[Recorded data]
****

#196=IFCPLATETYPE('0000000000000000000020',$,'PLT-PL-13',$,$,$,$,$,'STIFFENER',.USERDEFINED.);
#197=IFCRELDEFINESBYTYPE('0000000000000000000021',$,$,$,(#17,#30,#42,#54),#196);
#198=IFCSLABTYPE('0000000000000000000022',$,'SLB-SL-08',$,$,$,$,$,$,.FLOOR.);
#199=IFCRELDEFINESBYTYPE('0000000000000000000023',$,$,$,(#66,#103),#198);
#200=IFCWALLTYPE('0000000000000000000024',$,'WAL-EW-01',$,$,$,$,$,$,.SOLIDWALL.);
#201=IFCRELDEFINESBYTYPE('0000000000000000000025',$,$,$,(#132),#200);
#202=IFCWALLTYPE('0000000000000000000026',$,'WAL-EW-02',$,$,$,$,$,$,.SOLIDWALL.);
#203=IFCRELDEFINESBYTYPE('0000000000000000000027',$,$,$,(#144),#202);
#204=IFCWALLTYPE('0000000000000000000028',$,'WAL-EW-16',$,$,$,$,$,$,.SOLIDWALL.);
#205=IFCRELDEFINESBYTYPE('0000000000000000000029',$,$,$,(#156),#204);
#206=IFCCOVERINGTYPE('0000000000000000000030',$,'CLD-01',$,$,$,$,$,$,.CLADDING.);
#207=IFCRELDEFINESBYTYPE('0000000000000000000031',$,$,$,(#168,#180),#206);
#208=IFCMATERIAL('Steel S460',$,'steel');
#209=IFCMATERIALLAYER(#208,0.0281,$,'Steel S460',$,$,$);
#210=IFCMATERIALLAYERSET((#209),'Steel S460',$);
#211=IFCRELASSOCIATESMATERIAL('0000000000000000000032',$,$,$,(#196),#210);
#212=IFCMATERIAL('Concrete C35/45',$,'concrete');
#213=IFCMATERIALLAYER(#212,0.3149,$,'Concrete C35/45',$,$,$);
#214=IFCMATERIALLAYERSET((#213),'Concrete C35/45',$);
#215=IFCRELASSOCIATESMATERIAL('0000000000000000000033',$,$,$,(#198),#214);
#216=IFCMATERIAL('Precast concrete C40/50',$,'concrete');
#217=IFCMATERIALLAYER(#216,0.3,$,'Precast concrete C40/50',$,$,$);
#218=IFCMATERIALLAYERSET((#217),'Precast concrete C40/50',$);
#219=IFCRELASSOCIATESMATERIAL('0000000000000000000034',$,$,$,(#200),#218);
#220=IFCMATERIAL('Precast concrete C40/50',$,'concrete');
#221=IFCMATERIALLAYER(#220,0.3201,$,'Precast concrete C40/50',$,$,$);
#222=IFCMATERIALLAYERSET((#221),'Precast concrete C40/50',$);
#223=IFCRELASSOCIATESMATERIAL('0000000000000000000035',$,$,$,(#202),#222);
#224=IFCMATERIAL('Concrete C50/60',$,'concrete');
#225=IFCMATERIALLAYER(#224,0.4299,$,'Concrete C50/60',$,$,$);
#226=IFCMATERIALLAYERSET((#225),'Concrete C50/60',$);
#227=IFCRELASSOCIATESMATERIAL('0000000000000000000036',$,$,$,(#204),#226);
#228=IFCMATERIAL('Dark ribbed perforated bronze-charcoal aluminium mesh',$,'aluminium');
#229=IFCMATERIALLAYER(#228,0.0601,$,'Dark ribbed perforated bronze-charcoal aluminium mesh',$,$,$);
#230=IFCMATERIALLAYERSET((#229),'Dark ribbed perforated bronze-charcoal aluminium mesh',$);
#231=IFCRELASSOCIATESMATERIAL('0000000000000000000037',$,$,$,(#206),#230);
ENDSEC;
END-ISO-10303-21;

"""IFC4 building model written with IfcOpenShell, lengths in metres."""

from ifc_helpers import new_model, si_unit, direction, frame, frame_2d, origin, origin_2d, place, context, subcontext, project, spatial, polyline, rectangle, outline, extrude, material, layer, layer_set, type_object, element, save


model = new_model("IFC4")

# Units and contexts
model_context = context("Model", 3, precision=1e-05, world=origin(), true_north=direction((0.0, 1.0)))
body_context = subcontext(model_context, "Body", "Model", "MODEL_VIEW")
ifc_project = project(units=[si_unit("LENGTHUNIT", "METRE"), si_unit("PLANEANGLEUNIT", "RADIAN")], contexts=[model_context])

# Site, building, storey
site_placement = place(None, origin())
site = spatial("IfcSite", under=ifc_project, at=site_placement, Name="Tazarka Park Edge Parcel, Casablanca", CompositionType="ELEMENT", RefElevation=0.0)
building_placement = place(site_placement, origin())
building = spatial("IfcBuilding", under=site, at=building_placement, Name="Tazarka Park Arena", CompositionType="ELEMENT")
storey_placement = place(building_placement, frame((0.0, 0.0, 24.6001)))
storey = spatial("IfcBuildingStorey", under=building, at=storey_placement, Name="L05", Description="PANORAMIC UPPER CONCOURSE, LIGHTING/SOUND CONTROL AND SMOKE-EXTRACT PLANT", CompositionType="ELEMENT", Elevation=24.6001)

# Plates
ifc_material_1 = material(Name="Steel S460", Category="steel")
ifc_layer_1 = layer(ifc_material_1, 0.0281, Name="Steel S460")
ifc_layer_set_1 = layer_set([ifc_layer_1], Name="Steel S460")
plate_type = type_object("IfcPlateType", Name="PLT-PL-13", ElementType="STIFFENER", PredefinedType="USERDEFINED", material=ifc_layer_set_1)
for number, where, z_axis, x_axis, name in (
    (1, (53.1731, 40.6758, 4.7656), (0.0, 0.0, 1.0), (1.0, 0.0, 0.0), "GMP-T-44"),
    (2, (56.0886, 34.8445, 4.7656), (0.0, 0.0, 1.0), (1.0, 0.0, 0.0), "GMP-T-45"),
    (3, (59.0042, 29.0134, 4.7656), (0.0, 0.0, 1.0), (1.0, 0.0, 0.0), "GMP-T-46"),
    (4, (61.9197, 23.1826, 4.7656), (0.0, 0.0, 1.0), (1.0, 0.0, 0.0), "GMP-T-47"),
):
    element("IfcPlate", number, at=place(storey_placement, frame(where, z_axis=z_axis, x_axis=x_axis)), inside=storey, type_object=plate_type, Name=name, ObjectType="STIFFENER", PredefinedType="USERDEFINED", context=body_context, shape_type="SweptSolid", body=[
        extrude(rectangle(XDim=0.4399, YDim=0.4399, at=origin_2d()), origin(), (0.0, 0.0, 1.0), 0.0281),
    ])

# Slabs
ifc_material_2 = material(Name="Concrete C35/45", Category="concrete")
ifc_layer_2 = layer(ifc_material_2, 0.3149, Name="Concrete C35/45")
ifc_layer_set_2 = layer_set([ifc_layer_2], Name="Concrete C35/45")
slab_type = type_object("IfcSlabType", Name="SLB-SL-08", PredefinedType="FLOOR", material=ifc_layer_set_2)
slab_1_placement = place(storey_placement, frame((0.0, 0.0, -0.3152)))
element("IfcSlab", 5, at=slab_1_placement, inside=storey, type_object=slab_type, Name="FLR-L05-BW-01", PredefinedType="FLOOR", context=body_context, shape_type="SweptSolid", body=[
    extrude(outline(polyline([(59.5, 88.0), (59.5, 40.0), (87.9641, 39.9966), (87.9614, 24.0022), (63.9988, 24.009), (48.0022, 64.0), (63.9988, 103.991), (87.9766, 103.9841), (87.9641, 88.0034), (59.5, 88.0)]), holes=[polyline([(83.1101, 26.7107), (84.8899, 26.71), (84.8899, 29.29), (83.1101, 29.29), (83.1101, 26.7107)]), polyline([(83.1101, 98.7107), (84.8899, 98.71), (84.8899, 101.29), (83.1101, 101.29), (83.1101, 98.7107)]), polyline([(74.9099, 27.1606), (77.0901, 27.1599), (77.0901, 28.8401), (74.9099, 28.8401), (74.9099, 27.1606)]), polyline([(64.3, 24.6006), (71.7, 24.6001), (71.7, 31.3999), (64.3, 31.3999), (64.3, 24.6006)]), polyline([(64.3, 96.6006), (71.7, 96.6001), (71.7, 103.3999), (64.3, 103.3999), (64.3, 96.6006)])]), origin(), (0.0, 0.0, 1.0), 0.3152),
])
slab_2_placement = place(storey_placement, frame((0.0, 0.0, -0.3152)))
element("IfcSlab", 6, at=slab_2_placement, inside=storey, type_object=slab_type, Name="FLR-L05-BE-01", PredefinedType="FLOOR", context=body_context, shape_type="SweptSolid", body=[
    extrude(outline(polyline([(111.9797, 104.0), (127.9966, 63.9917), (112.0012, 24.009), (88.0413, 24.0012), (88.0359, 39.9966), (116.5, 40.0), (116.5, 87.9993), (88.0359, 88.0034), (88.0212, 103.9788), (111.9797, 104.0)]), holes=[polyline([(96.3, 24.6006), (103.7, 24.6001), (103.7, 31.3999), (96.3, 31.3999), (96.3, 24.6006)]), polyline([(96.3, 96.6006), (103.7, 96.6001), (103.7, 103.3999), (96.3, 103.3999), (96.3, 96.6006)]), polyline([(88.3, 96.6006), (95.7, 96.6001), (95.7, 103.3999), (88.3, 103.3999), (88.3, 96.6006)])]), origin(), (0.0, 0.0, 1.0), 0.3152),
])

****

= Description of the task =
Nothing should appear in the answer except the lines above from the line with "#225=IFCMATERIALLAYER(#224,0.4299,$,'Concrete C50/60',$,$,$);" through the line with "#229=IFCMATERIALLAYER(#228,0.0601,$,'Dark ribbed perforated", both included, written out exactly.

= Response to the task =
#225=IFCMATERIALLAYER(#224,0.4299,$,'Concrete C50/60',$,$,$);
#226=IFCMATERIALLAYERSET((#225),'Concrete C50/60',$);
#227=IFCRELASSOCIATESMATERIAL('0000000000000000000036',$,$,$,(#204),#226);
#228=IFCMATERIAL('Dark ribbed perforated bronze-charcoal aluminium mesh',$,'aluminium');
#229=IFCMATERIALLAYER(#228,0.0601,$,'Dark ribbed perforated bronze-charcoal aluminium mesh',$,$,$);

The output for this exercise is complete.